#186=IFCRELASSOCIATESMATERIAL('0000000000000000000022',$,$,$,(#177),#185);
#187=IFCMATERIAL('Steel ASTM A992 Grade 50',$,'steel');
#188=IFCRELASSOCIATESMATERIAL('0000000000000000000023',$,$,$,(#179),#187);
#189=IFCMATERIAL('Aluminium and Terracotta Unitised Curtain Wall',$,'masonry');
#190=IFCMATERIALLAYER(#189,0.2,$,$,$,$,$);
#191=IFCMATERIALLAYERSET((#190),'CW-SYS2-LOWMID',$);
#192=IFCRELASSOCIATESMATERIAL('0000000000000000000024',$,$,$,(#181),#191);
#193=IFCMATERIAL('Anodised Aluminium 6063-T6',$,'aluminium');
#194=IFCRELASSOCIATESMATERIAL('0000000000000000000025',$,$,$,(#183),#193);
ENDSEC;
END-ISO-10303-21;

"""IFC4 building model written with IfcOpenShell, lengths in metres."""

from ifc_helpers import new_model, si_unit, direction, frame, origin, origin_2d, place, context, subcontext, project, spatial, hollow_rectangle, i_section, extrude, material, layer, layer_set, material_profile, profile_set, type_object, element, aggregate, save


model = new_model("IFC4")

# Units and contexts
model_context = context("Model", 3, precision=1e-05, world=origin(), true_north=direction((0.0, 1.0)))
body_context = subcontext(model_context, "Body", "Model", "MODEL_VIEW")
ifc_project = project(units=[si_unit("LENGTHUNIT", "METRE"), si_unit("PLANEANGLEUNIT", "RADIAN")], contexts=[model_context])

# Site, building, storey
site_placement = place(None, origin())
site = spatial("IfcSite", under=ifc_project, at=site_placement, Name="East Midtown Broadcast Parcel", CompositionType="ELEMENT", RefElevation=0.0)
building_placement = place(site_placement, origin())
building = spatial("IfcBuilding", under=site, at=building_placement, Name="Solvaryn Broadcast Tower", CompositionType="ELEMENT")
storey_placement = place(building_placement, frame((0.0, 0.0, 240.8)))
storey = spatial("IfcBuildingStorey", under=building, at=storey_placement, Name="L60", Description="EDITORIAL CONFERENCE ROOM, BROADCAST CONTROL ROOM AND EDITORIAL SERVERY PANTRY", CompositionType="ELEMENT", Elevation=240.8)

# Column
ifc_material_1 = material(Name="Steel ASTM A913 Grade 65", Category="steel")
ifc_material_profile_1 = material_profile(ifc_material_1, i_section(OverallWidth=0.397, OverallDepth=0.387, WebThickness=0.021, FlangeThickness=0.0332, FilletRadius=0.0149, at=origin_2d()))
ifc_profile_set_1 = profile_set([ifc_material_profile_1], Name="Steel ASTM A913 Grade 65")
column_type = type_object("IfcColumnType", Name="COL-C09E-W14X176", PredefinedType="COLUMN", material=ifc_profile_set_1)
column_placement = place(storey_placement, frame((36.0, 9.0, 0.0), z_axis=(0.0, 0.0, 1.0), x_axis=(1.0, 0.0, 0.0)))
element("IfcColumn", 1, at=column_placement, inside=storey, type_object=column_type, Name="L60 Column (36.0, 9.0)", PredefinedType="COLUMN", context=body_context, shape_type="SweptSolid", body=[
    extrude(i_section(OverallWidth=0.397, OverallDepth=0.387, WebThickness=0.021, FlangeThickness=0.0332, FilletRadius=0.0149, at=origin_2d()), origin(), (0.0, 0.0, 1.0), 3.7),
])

--------------------------------

• **What you have to do**: Scan the entries above and return each line that holds "Steel".

• **Solution**:
#187=IFCMATERIAL('Steel ASTM A992 Grade 50',$,'steel');
ifc_material_1 = material(Name="Steel ASTM A913 Grade 65", Category="steel")
ifc_profile_set_1 = profile_set([ifc_material_profile_1], Name="Steel ASTM A913 Grade 65")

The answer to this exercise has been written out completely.